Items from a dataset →
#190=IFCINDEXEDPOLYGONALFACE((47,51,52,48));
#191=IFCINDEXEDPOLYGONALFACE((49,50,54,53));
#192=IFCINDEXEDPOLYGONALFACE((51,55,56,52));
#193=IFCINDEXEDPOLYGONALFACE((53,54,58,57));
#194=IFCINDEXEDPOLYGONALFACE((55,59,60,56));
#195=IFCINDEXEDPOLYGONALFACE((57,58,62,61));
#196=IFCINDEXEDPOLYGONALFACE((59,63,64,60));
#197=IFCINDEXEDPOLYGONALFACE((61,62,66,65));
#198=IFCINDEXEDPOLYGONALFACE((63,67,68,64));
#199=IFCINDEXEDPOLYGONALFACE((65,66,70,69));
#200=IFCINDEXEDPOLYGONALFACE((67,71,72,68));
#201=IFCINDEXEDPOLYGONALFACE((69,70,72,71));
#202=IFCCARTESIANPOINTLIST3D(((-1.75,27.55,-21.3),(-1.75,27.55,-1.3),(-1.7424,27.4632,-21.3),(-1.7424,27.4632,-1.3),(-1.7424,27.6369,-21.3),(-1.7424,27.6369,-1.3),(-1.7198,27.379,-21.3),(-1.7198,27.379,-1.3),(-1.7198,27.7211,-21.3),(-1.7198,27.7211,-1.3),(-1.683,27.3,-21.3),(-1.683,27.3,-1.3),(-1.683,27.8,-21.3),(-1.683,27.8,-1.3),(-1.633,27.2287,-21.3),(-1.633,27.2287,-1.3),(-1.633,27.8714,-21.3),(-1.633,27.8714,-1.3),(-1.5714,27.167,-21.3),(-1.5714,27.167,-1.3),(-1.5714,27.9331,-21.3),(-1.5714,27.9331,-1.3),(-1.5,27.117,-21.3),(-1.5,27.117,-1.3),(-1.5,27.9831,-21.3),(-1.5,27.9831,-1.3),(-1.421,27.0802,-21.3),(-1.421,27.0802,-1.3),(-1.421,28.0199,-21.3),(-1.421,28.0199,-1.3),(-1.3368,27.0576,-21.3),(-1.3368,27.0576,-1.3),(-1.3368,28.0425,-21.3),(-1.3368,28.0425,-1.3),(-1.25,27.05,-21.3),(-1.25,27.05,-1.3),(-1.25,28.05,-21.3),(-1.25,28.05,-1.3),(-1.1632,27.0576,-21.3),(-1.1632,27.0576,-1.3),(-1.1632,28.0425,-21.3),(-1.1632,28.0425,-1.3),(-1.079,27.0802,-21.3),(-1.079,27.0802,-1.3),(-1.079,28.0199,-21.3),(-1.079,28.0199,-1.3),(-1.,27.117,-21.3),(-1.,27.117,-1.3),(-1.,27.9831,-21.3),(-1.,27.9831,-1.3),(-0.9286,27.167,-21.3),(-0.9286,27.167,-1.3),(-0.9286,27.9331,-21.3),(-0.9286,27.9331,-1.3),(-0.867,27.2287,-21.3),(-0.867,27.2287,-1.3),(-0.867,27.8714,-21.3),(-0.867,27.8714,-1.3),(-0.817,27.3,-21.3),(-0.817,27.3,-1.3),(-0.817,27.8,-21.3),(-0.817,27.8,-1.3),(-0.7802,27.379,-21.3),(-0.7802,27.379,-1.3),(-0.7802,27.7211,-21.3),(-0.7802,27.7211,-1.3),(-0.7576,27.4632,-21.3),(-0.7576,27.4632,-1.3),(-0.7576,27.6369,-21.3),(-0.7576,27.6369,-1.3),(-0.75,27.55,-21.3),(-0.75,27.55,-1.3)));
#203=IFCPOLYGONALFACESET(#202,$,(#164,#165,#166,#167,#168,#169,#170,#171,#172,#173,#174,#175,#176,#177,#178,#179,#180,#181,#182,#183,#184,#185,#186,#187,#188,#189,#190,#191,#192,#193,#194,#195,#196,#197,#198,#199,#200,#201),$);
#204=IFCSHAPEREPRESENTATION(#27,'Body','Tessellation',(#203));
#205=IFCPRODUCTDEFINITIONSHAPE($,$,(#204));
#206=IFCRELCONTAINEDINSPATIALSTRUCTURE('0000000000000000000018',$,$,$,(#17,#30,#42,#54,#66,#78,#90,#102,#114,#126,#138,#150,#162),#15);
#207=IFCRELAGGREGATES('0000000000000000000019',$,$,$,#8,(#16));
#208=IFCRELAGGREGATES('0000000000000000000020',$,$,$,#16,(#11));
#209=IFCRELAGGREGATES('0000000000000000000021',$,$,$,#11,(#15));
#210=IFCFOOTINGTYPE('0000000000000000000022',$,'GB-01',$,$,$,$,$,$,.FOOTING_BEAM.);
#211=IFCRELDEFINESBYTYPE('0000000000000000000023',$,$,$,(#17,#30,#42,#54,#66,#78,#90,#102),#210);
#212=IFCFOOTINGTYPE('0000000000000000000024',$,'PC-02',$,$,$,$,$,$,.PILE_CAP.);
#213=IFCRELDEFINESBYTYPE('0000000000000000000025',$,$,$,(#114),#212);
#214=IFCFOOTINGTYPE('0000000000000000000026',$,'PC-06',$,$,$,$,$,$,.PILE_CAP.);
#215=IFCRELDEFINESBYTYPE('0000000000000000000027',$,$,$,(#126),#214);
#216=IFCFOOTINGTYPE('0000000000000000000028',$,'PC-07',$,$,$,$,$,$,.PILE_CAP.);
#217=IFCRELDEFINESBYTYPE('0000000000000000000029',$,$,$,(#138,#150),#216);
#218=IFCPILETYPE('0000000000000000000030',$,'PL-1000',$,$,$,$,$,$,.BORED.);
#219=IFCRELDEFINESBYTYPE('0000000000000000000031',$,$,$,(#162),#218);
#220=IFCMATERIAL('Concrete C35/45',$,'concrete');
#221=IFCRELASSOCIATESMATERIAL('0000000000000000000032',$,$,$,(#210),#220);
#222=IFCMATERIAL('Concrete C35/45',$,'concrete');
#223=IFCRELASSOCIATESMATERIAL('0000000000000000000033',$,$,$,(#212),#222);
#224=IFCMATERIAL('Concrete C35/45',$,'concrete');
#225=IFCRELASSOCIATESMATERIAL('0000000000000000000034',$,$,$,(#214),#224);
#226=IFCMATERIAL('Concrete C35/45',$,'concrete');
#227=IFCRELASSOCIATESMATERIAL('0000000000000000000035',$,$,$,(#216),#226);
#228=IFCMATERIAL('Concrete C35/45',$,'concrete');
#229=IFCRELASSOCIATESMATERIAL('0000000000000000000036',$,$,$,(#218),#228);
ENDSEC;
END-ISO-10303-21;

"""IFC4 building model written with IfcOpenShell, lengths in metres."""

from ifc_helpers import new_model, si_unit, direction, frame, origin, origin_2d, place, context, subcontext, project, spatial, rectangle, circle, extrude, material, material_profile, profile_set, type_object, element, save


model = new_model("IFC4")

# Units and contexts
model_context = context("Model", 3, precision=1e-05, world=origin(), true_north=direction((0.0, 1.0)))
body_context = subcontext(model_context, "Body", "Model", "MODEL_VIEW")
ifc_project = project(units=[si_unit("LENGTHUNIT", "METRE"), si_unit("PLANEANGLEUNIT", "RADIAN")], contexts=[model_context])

Your objective → Repeat all of the data exactly as given.

Solution to this exercise →
#190=IFCINDEXEDPOLYGONALFACE((47,51,52,48));
#191=IFCINDEXEDPOLYGONALFACE((49,50,54,53));
#192=IFCINDEXEDPOLYGONALFACE((51,55,56,52));
#193=IFCINDEXEDPOLYGONALFACE((53,54,58,57));
#194=IFCINDEXEDPOLYGONALFACE((55,59,60,56));
#195=IFCINDEXEDPOLYGONALFACE((57,58,62,61));
#196=IFCINDEXEDPOLYGONALFACE((59,63,64,60));
#197=IFCINDEXEDPOLYGONALFACE((61,62,66,65));
#198=IFCINDEXEDPOLYGONALFACE((63,67,68,64));
#199=IFCINDEXEDPOLYGONALFACE((65,66,70,69));
#200=IFCINDEXEDPOLYGONALFACE((67,71,72,68));
#201=IFCINDEXEDPOLYGONALFACE((69,70,72,71));
#202=IFCCARTESIANPOINTLIST3D(((-1.75,27.55,-21.3),(-1.75,27.55,-1.3),(-1.7424,27.4632,-21.3),(-1.7424,27.4632,-1.3),(-1.7424,27.6369,-21.3),(-1.7424,27.6369,-1.3),(-1.7198,27.379,-21.3),(-1.7198,27.379,-1.3),(-1.7198,27.7211,-21.3),(-1.7198,27.7211,-1.3),(-1.683,27.3,-21.3),(-1.683,27.3,-1.3),(-1.683,27.8,-21.3),(-1.683,27.8,-1.3),(-1.633,27.2287,-21.3),(-1.633,27.2287,-1.3),(-1.633,27.8714,-21.3),(-1.633,27.8714,-1.3),(-1.5714,27.167,-21.3),(-1.5714,27.167,-1.3),(-1.5714,27.9331,-21.3),(-1.5714,27.9331,-1.3),(-1.5,27.117,-21.3),(-1.5,27.117,-1.3),(-1.5,27.9831,-21.3),(-1.5,27.9831,-1.3),(-1.421,27.0802,-21.3),(-1.421,27.0802,-1.3),(-1.421,28.0199,-21.3),(-1.421,28.0199,-1.3),(-1.3368,27.0576,-21.3),(-1.3368,27.0576,-1.3),(-1.3368,28.0425,-21.3),(-1.3368,28.0425,-1.3),(-1.25,27.05,-21.3),(-1.25,27.05,-1.3),(-1.25,28.05,-21.3),(-1.25,28.05,-1.3),(-1.1632,27.0576,-21.3),(-1.1632,27.0576,-1.3),(-1.1632,28.0425,-21.3),(-1.1632,28.0425,-1.3),(-1.079,27.0802,-21.3),(-1.079,27.0802,-1.3),(-1.079,28.0199,-21.3),(-1.079,28.0199,-1.3),(-1.,27.117,-21.3),(-1.,27.117,-1.3),(-1.,27.9831,-21.3),(-1.,27.9831,-1.3),(-0.9286,27.167,-21.3),(-0.9286,27.167,-1.3),(-0.9286,27.9331,-21.3),(-0.9286,27.9331,-1.3),(-0.867,27.2287,-21.3),(-0.867,27.2287,-1.3),(-0.867,27.8714,-21.3),(-0.867,27.8714,-1.3),(-0.817,27.3,-21.3),(-0.817,27.3,-1.3),(-0.817,27.8,-21.3),(-0.817,27.8,-1.3),(-0.7802,27.379,-21.3),(-0.7802,27.379,-1.3),(-0.7802,27.7211,-21.3),(-0.7802,27.7211,-1.3),(-0.7576,27.4632,-21.3),(-0.7576,27.4632,-1.3),(-0.7576,27.6369,-21.3),(-0.7576,27.6369,-1.3),(-0.75,27.55,-21.3),(-0.75,27.55,-1.3)));
#203=IFCPOLYGONALFACESET(#202,$,(#164,#165,#166,#167,#168,#169,#170,#171,#172,#173,#174,#175,#176,#177,#178,#179,#180,#181,#182,#183,#184,#185,#186,#187,#188,#189,#190,#191,#192,#193,#194,#195,#196,#197,#198,#199,#200,#201),$);
#204=IFCSHAPEREPRESENTATION(#27,'Body','Tessellation',(#203));
#205=IFCPRODUCTDEFINITIONSHAPE($,$,(#204));
#206=IFCRELCONTAINEDINSPATIALSTRUCTURE('0000000000000000000018',$,$,$,(#17,#30,#42,#54,#66,#78,#90,#102,#114,#126,#138,#150,#162),#15);
#207=IFCRELAGGREGATES('0000000000000000000019',$,$,$,#8,(#16));
#208=IFCRELAGGREGATES('0000000000000000000020',$,$,$,#16,(#11));
#209=IFCRELAGGREGATES('0000000000000000000021',$,$,$,#11,(#15));
#210=IFCFOOTINGTYPE('0000000000000000000022',$,'GB-01',$,$,$,$,$,$,.FOOTING_BEAM.);
#211=IFCRELDEFINESBYTYPE('0000000000000000000023',$,$,$,(#17,#30,#42,#54,#66,#78,#90,#102),#210);
#212=IFCFOOTINGTYPE('0000000000000000000024',$,'PC-02',$,$,$,$,$,$,.PILE_CAP.);
#213=IFCRELDEFINESBYTYPE('0000000000000000000025',$,$,$,(#114),#212);
#214=IFCFOOTINGTYPE('0000000000000000000026',$,'PC-06',$,$,$,$,$,$,.PILE_CAP.);
#215=IFCRELDEFINESBYTYPE('0000000000000000000027',$,$,$,(#126),#214);
#216=IFCFOOTINGTYPE('0000000000000000000028',$,'PC-07',$,$,$,$,$,$,.PILE_CAP.);
#217=IFCRELDEFINESBYTYPE('0000000000000000000029',$,$,$,(#138,#150),#216);
#218=IFCPILETYPE('0000000000000000000030',$,'PL-1000',$,$,$,$,$,$,.BORED.);
#219=IFCRELDEFINESBYTYPE('0000000000000000000031',$,$,$,(#162),#218);
#220=IFCMATERIAL('Concrete C35/45',$,'concrete');
#221=IFCRELASSOCIATESMATERIAL('0000000000000000000032',$,$,$,(#210),#220);
#222=IFCMATERIAL('Concrete C35/45',$,'concrete');
#223=IFCRELASSOCIATESMATERIAL('0000000000000000000033',$,$,$,(#212),#222);
#224=IFCMATERIAL('Concrete C35/45',$,'concrete');
#225=IFCRELASSOCIATESMATERIAL('0000000000000000000034',$,$,$,(#214),#224);
#226=IFCMATERIAL('Concrete C35/45',$,'concrete');
#227=IFCRELASSOCIATESMATERIAL('0000000000000000000035',$,$,$,(#216),#226);
#228=IFCMATERIAL('Concrete C35/45',$,'concrete');
#229=IFCRELASSOCIATESMATERIAL('0000000000000000000036',$,$,$,(#218),#228);
ENDSEC;
END-ISO-10303-21;

"""IFC4 building model written with IfcOpenShell, lengths in metres."""

from ifc_helpers import new_model, si_unit, direction, frame, origin, origin_2d, place, context, subcontext, project, spatial, rectangle, circle, extrude, material, material_profile, profile_set, type_object, element, save


model = new_model("IFC4")

# Units and contexts
model_context = context("Model", 3, precision=1e-05, world=origin(), true_north=direction((0.0, 1.0)))
body_context = subcontext(model_context, "Body", "Model", "MODEL_VIEW")
ifc_project = project(units=[si_unit("LENGTHUNIT", "METRE"), si_unit("PLANEANGLEUNIT", "RADIAN")], contexts=[model_context])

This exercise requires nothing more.